Description of the task
Report the count of lines in the records that contain "IFCLOCALPLACEMENT", without any added text.

Recorded information
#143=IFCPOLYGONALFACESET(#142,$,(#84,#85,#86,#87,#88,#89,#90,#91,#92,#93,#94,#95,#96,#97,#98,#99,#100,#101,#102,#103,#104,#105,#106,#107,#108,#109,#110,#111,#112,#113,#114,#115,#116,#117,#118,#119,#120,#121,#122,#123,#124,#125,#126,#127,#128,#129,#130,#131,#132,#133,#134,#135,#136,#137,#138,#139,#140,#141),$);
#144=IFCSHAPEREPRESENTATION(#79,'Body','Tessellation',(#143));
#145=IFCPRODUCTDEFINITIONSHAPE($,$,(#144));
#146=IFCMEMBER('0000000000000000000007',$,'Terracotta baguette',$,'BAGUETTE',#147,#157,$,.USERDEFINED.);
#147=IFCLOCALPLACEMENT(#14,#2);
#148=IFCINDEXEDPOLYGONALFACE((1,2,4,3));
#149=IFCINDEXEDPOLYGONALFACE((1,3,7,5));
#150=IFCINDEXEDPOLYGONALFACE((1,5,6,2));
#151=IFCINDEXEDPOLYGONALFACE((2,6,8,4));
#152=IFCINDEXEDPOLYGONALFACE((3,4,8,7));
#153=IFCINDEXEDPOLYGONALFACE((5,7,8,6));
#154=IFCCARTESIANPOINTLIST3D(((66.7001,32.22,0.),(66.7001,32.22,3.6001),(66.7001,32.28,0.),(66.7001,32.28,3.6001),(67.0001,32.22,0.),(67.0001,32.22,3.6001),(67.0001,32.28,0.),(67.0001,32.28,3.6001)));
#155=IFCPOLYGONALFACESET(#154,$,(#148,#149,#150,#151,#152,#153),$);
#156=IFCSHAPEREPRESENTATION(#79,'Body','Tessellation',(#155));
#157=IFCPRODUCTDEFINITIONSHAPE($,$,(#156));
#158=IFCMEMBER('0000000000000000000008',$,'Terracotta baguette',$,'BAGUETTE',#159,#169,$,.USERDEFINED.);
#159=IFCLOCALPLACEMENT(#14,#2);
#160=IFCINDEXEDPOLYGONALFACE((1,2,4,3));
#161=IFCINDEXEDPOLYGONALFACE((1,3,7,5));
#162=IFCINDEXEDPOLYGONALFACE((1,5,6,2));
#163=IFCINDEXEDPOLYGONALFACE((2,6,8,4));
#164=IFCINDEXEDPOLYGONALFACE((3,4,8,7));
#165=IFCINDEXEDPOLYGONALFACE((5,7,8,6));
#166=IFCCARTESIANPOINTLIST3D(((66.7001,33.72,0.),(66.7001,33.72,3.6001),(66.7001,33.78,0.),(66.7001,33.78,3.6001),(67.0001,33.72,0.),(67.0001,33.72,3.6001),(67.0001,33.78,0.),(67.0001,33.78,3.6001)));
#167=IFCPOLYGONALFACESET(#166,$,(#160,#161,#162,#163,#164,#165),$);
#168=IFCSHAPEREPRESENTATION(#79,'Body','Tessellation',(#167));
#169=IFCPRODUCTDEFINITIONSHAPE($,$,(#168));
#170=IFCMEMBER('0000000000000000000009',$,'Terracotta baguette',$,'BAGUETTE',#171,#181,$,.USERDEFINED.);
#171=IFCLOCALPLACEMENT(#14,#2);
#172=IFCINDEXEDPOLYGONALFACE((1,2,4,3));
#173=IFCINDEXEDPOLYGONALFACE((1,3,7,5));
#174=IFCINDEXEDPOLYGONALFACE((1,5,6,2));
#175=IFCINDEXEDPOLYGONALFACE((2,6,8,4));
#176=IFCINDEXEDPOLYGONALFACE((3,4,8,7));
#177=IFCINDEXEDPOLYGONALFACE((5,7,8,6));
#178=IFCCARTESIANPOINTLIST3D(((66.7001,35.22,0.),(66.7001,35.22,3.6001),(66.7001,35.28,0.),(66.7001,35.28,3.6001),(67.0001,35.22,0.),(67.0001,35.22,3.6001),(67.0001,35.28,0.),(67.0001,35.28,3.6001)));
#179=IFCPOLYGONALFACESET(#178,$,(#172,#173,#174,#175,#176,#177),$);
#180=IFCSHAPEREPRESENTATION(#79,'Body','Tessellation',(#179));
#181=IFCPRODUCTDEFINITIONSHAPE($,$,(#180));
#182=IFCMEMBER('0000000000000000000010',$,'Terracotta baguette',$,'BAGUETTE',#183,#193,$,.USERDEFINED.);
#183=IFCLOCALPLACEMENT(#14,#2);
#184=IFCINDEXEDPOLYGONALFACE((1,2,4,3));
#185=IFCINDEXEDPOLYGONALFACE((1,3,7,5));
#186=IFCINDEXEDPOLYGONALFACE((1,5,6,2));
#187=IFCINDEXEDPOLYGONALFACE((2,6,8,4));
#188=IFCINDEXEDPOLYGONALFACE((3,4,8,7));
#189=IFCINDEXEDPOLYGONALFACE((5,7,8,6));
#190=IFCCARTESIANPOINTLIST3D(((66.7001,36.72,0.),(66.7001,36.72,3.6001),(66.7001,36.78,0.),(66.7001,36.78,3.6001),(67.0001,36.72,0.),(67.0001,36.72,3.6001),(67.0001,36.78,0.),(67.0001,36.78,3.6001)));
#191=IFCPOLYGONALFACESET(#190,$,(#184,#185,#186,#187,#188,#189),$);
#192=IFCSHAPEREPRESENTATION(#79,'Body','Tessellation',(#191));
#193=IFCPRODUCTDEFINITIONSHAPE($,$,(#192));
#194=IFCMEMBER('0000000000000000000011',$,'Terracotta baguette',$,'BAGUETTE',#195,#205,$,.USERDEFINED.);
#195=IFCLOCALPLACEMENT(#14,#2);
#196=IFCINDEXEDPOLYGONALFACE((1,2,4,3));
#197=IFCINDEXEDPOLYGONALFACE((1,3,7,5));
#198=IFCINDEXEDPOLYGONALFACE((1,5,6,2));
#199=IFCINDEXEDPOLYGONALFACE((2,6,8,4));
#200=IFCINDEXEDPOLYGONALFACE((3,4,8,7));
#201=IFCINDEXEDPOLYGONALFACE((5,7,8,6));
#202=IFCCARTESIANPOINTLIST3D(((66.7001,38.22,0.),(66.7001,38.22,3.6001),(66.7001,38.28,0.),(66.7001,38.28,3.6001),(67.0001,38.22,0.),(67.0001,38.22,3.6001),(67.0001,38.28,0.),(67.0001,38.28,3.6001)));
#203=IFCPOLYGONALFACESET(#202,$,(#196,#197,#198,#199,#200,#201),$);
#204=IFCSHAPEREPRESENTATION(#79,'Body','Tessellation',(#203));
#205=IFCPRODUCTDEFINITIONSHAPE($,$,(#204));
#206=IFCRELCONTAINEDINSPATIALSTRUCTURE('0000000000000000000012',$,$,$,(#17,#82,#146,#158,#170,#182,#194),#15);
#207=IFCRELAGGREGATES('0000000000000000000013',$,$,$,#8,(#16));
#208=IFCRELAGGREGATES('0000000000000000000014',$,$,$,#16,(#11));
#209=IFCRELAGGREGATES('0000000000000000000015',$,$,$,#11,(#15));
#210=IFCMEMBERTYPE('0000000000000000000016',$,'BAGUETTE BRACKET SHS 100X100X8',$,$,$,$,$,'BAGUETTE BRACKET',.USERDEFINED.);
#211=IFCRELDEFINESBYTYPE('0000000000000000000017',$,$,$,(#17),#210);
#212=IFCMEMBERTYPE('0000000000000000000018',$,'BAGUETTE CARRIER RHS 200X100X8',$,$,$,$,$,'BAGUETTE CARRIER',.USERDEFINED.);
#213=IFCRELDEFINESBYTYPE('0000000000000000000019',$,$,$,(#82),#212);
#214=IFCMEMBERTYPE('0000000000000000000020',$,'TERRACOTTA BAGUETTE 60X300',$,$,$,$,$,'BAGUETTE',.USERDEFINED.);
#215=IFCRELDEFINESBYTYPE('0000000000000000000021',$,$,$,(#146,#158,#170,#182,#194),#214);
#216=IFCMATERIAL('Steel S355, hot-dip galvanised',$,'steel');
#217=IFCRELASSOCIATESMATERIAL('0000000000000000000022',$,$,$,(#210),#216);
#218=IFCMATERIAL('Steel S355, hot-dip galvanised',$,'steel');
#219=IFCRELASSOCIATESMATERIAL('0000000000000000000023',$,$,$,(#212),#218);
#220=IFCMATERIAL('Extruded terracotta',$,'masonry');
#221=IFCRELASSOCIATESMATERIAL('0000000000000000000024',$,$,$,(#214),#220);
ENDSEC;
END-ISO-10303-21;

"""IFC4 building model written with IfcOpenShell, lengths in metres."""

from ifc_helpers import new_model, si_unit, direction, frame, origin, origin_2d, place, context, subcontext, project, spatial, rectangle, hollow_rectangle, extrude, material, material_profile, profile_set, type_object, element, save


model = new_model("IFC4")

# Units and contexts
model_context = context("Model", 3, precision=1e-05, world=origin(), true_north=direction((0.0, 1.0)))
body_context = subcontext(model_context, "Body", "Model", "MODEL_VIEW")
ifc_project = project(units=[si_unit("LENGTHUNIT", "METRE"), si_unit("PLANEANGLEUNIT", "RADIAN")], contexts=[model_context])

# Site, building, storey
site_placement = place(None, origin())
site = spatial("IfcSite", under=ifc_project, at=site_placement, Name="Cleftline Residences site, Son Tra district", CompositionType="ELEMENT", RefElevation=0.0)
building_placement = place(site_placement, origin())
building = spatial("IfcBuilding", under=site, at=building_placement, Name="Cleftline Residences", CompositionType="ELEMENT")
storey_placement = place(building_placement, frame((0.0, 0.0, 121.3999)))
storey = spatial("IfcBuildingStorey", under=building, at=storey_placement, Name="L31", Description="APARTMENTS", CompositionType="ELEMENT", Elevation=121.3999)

Answer to the problem
5